RECORDS FOR THE TASK —
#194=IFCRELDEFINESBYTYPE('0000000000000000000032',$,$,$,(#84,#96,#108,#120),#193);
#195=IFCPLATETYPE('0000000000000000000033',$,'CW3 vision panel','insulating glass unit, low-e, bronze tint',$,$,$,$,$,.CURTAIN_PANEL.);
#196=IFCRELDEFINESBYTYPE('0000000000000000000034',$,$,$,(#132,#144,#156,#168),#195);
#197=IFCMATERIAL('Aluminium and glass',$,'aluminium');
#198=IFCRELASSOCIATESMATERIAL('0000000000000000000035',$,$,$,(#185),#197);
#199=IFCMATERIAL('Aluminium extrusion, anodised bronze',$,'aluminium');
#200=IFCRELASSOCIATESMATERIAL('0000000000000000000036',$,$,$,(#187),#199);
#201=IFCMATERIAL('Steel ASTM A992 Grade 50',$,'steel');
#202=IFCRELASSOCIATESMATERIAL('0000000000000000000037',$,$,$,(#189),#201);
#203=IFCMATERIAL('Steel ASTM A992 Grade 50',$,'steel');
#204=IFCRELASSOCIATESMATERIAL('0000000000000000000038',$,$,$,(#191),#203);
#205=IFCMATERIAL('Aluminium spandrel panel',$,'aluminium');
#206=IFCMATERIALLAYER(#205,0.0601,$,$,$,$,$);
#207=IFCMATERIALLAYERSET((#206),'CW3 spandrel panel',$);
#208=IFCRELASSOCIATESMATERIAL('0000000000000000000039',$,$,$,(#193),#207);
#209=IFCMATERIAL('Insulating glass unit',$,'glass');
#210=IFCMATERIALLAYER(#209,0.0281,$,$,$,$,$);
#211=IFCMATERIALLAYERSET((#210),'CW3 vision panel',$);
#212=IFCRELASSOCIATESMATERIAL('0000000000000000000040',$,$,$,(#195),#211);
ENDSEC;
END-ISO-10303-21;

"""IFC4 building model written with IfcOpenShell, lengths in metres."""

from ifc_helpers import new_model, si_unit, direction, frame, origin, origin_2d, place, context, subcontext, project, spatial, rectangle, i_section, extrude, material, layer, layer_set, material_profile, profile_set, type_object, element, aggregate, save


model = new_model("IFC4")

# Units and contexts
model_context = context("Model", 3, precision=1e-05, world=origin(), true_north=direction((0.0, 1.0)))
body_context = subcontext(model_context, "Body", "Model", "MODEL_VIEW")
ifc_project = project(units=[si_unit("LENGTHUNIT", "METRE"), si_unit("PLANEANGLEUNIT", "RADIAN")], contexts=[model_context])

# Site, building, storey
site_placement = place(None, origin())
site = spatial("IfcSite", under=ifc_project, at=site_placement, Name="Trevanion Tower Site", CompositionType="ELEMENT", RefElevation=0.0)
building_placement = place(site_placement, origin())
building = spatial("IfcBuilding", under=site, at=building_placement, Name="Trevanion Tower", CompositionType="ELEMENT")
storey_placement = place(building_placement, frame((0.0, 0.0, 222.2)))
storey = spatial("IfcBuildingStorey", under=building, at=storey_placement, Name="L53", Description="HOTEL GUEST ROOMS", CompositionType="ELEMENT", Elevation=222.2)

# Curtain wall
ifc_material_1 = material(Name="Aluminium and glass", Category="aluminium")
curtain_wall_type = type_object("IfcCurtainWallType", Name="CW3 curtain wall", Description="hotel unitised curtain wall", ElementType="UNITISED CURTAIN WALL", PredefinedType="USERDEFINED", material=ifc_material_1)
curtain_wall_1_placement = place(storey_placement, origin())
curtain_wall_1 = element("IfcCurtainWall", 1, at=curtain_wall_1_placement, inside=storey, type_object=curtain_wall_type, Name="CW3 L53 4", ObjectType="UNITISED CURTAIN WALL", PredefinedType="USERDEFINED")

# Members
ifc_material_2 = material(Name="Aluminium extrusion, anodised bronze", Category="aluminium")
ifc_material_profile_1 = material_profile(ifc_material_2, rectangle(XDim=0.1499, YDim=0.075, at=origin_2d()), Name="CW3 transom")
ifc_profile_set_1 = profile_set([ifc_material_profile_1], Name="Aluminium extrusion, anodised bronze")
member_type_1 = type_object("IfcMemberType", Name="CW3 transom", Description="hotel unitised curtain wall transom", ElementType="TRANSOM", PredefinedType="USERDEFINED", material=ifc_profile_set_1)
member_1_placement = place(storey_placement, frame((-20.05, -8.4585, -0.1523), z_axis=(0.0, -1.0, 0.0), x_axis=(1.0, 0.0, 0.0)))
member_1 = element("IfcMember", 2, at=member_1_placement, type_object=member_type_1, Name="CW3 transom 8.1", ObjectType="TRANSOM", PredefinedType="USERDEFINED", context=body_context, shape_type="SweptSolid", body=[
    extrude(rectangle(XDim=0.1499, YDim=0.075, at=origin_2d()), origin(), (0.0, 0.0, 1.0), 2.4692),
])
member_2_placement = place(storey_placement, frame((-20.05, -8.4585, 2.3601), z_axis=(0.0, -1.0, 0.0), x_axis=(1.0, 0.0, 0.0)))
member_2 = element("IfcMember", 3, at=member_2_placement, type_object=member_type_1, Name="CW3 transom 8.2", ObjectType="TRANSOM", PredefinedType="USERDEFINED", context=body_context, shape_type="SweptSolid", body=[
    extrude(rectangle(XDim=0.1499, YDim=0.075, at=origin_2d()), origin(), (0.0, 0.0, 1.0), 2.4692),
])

WORK ORDER —
Return the number of lines in the data above that include the word "Trevanion", and nothing else.

WRITTEN REPLY —
2